How to complete this task
Only the stretch of the listing below that runs from the line with "#107=IFCINDEXEDPOLYGONALFACE((1,2,4,3));" through the line with "#136=IFCINDEXEDPOLYGONALFACE((5,7,8,6));" is to be printed, exactly and with both ends.

Source data
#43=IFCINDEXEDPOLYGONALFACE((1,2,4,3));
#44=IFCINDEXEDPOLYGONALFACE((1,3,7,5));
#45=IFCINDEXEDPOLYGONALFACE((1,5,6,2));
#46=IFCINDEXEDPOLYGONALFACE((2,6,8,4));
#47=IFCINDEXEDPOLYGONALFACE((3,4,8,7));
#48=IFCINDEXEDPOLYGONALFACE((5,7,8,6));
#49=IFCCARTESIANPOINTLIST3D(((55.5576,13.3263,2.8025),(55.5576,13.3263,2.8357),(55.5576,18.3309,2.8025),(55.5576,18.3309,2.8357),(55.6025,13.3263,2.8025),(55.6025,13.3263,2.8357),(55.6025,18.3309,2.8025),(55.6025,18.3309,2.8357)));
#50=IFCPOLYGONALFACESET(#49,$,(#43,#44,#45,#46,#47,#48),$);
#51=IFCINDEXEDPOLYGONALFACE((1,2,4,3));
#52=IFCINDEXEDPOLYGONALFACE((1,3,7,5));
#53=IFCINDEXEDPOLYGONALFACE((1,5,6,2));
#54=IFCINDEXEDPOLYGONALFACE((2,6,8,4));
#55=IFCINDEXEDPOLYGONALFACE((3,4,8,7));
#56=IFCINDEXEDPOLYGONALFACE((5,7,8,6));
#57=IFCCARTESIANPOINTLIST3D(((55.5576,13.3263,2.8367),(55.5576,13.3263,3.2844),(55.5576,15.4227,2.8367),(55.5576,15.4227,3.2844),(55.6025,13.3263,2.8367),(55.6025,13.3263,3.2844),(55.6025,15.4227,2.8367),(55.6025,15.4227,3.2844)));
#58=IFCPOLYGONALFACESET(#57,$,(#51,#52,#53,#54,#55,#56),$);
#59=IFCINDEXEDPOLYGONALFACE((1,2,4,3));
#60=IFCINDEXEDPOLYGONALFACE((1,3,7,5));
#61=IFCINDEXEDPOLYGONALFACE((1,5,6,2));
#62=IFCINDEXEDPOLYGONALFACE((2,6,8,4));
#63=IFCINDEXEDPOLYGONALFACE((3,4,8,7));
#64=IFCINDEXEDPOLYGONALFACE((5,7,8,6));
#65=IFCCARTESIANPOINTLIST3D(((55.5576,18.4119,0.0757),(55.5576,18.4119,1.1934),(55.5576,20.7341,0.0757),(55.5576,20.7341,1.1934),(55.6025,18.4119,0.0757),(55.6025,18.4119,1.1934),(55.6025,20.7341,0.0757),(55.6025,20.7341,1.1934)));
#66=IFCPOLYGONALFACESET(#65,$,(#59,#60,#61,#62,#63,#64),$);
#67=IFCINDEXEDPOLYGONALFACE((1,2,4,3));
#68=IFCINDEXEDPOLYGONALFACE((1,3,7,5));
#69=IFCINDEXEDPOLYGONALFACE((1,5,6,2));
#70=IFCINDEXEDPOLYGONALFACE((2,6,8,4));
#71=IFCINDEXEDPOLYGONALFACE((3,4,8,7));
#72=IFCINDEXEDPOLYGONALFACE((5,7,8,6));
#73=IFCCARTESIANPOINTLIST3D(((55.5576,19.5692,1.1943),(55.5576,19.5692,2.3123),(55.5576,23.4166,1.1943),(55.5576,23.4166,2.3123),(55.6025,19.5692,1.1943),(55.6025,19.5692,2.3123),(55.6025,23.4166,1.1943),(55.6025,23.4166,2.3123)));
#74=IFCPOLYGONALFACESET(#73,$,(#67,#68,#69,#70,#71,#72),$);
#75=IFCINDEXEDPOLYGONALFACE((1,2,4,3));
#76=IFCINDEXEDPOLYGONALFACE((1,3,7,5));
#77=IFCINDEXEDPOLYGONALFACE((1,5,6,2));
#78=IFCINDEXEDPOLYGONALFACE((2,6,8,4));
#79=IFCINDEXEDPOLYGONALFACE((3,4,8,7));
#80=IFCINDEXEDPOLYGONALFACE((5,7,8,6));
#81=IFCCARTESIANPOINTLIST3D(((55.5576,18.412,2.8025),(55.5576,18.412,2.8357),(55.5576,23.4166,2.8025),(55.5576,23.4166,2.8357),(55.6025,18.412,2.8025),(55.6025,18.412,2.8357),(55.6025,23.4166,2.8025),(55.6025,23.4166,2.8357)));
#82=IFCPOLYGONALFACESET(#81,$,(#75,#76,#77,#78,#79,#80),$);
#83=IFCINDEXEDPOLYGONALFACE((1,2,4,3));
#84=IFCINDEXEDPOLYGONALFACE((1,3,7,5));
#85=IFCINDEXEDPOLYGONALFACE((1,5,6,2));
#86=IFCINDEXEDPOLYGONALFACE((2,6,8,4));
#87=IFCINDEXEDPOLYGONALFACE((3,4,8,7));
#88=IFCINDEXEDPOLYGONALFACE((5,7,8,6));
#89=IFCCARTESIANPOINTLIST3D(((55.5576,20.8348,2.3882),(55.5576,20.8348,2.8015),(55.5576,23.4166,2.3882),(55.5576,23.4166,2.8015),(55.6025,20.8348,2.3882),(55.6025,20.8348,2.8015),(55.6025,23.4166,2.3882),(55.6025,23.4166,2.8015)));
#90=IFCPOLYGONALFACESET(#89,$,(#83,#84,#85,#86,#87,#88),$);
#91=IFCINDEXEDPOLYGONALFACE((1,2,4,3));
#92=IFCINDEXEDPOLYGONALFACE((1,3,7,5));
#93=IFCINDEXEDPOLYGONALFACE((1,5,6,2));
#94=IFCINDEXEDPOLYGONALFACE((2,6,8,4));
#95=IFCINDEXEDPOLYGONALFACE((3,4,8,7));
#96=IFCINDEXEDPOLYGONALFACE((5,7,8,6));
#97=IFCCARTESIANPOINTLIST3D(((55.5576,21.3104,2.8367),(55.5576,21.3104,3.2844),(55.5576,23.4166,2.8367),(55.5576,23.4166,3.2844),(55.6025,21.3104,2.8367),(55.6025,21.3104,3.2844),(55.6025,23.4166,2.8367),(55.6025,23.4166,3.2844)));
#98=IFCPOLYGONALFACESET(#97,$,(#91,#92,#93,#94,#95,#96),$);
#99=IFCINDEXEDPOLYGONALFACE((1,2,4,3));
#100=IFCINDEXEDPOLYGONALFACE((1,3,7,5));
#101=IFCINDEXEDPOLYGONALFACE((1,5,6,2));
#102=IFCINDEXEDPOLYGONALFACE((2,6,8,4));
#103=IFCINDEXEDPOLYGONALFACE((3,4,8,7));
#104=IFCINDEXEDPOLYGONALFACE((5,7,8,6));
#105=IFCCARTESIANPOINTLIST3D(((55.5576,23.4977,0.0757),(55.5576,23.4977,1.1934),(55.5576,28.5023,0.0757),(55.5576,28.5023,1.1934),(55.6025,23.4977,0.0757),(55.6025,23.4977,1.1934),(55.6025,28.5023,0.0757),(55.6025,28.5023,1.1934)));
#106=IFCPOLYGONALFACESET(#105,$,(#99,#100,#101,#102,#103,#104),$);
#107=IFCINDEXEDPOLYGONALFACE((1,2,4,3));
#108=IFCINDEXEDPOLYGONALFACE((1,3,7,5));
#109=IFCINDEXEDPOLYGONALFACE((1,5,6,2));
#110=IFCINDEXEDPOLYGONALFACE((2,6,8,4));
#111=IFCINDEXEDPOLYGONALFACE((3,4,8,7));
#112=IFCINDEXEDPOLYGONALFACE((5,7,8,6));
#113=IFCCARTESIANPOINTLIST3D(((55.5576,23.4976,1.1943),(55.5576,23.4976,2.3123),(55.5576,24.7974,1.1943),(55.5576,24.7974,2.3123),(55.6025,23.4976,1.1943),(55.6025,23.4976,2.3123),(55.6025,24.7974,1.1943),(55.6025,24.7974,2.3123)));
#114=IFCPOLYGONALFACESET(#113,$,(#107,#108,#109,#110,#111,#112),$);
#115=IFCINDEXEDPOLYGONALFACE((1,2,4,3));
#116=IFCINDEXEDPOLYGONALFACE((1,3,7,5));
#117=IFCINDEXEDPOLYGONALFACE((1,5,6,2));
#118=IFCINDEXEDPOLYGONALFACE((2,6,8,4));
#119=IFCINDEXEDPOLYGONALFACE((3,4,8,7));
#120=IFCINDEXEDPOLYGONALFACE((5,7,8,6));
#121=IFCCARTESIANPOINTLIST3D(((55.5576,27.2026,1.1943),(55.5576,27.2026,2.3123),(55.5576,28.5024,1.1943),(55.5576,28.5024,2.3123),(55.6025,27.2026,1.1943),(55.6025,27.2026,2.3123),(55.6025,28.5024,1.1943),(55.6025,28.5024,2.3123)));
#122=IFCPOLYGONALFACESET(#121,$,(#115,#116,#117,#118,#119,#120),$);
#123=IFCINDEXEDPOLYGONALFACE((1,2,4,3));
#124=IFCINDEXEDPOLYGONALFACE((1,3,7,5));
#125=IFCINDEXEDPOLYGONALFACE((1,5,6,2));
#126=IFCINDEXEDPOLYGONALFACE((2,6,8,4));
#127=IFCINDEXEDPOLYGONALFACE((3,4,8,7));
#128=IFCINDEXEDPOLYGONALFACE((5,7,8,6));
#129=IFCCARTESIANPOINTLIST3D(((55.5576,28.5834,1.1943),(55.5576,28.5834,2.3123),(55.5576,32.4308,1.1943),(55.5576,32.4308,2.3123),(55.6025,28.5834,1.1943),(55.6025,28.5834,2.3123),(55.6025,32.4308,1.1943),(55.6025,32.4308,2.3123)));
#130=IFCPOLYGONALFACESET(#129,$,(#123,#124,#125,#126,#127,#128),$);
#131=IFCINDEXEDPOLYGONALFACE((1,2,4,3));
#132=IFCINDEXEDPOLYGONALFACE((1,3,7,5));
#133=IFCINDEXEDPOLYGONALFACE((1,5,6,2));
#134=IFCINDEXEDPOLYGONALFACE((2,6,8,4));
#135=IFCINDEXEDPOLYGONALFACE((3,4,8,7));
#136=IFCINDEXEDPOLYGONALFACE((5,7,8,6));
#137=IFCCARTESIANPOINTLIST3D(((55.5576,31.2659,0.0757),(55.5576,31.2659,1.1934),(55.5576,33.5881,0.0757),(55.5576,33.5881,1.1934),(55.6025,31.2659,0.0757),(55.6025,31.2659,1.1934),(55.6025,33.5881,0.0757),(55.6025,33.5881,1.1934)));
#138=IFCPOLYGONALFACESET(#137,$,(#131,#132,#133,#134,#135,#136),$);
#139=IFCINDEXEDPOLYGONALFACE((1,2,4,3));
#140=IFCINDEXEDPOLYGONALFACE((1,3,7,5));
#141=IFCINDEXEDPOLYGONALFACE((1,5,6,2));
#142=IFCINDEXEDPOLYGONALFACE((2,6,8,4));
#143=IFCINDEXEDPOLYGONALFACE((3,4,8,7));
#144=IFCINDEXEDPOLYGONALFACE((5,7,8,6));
---
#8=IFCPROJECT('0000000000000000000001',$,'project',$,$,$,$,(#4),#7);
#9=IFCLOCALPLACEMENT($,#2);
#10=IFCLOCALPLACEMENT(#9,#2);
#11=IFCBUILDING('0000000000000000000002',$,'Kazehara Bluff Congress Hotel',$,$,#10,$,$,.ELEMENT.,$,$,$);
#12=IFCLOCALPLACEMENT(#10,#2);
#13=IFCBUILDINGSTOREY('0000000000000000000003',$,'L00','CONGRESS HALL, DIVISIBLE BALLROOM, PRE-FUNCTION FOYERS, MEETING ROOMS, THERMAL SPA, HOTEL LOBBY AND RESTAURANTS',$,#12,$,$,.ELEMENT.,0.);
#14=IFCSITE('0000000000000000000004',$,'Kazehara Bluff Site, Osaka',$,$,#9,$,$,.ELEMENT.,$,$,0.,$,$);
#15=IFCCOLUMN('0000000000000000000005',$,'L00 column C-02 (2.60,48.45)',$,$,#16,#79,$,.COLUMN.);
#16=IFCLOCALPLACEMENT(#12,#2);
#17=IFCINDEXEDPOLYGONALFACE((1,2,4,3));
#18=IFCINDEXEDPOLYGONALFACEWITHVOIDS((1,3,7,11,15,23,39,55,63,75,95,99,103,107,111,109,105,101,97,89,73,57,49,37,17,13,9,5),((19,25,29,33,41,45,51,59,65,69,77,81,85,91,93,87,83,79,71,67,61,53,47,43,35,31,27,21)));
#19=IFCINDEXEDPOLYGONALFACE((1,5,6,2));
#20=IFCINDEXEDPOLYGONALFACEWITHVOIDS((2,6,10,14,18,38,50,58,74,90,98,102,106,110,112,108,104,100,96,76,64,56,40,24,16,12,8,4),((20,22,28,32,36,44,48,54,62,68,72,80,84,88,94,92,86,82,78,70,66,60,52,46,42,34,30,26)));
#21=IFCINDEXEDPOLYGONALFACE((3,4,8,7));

Your response
#107=IFCINDEXEDPOLYGONALFACE((1,2,4,3));
#108=IFCINDEXEDPOLYGONALFACE((1,3,7,5));
#109=IFCINDEXEDPOLYGONALFACE((1,5,6,2));
#110=IFCINDEXEDPOLYGONALFACE((2,6,8,4));
#111=IFCINDEXEDPOLYGONALFACE((3,4,8,7));
#112=IFCINDEXEDPOLYGONALFACE((5,7,8,6));
#113=IFCCARTESIANPOINTLIST3D(((55.5576,23.4976,1.1943),(55.5576,23.4976,2.3123),(55.5576,24.7974,1.1943),(55.5576,24.7974,2.3123),(55.6025,23.4976,1.1943),(55.6025,23.4976,2.3123),(55.6025,24.7974,1.1943),(55.6025,24.7974,2.3123)));
#114=IFCPOLYGONALFACESET(#113,$,(#107,#108,#109,#110,#111,#112),$);
#115=IFCINDEXEDPOLYGONALFACE((1,2,4,3));
#116=IFCINDEXEDPOLYGONALFACE((1,3,7,5));
#117=IFCINDEXEDPOLYGONALFACE((1,5,6,2));
#118=IFCINDEXEDPOLYGONALFACE((2,6,8,4));
#119=IFCINDEXEDPOLYGONALFACE((3,4,8,7));
#120=IFCINDEXEDPOLYGONALFACE((5,7,8,6));
#121=IFCCARTESIANPOINTLIST3D(((55.5576,27.2026,1.1943),(55.5576,27.2026,2.3123),(55.5576,28.5024,1.1943),(55.5576,28.5024,2.3123),(55.6025,27.2026,1.1943),(55.6025,27.2026,2.3123),(55.6025,28.5024,1.1943),(55.6025,28.5024,2.3123)));
#122=IFCPOLYGONALFACESET(#121,$,(#115,#116,#117,#118,#119,#120),$);
#123=IFCINDEXEDPOLYGONALFACE((1,2,4,3));
#124=IFCINDEXEDPOLYGONALFACE((1,3,7,5));
#125=IFCINDEXEDPOLYGONALFACE((1,5,6,2));
#126=IFCINDEXEDPOLYGONALFACE((2,6,8,4));
#127=IFCINDEXEDPOLYGONALFACE((3,4,8,7));
#128=IFCINDEXEDPOLYGONALFACE((5,7,8,6));
#129=IFCCARTESIANPOINTLIST3D(((55.5576,28.5834,1.1943),(55.5576,28.5834,2.3123),(55.5576,32.4308,1.1943),(55.5576,32.4308,2.3123),(55.6025,28.5834,1.1943),(55.6025,28.5834,2.3123),(55.6025,32.4308,1.1943),(55.6025,32.4308,2.3123)));
#130=IFCPOLYGONALFACESET(#129,$,(#123,#124,#125,#126,#127,#128),$);
#131=IFCINDEXEDPOLYGONALFACE((1,2,4,3));
#132=IFCINDEXEDPOLYGONALFACE((1,3,7,5));
#133=IFCINDEXEDPOLYGONALFACE((1,5,6,2));
#134=IFCINDEXEDPOLYGONALFACE((2,6,8,4));
#135=IFCINDEXEDPOLYGONALFACE((3,4,8,7));
#136=IFCINDEXEDPOLYGONALFACE((5,7,8,6));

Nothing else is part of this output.